§ **Action item**:
In the data below, find each line that contains the word "IFCRELDEFINESBYTYPE" and copy it.

§ **Supplied information**:
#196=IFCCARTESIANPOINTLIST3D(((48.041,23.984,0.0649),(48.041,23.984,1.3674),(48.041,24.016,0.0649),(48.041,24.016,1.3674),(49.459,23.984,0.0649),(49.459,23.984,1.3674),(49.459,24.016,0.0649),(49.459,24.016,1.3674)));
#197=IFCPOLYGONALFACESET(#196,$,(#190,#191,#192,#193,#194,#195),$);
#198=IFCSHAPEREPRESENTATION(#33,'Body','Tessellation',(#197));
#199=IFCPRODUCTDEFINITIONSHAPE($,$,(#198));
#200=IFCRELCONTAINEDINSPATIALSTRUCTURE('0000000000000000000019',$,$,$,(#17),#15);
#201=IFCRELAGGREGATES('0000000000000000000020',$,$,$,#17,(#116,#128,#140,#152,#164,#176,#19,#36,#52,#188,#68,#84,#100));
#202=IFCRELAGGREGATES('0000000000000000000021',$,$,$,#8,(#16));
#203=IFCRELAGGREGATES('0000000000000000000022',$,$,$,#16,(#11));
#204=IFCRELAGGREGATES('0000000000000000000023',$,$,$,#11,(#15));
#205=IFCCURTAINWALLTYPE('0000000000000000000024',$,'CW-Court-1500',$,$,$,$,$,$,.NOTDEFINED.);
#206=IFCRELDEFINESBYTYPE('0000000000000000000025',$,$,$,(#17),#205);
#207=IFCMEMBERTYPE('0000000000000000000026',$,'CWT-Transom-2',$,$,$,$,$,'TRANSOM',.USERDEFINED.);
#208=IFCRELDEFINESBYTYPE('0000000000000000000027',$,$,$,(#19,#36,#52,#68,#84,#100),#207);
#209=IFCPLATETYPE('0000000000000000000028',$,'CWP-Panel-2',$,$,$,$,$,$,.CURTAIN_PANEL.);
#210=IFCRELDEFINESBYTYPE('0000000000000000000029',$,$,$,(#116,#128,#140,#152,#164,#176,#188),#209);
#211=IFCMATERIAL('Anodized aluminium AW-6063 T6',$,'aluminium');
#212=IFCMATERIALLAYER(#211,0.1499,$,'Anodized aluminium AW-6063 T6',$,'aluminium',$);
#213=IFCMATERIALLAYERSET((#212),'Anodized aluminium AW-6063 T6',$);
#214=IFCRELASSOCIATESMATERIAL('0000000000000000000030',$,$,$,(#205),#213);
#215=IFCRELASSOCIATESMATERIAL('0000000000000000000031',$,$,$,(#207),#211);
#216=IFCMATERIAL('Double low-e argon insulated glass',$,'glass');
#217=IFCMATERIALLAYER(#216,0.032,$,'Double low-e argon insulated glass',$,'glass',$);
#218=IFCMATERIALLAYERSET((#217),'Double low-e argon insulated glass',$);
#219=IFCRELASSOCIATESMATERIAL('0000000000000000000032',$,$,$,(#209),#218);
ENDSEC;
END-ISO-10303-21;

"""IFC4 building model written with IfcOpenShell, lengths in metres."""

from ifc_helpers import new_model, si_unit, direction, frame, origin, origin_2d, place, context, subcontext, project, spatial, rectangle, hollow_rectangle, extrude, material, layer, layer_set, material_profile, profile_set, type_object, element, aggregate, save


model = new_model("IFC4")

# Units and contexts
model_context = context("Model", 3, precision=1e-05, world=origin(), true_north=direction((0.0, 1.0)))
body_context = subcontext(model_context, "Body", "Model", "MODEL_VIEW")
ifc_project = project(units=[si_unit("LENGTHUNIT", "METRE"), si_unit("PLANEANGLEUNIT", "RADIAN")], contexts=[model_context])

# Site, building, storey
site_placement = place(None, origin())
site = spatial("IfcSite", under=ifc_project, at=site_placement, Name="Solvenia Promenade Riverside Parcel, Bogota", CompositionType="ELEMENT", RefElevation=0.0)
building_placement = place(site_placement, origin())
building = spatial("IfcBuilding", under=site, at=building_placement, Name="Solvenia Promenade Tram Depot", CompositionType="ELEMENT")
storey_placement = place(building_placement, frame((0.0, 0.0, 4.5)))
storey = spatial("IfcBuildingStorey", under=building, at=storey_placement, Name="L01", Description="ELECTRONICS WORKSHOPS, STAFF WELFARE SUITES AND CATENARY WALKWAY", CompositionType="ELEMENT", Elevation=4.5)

§ **Written solution**:
#206=IFCRELDEFINESBYTYPE('0000000000000000000025',$,$,$,(#17),#205);
#208=IFCRELDEFINESBYTYPE('0000000000000000000027',$,$,$,(#19,#36,#52,#68,#84,#100),#207);
#210=IFCRELDEFINESBYTYPE('0000000000000000000029',$,$,$,(#116,#128,#140,#152,#164,#176,#188),#209);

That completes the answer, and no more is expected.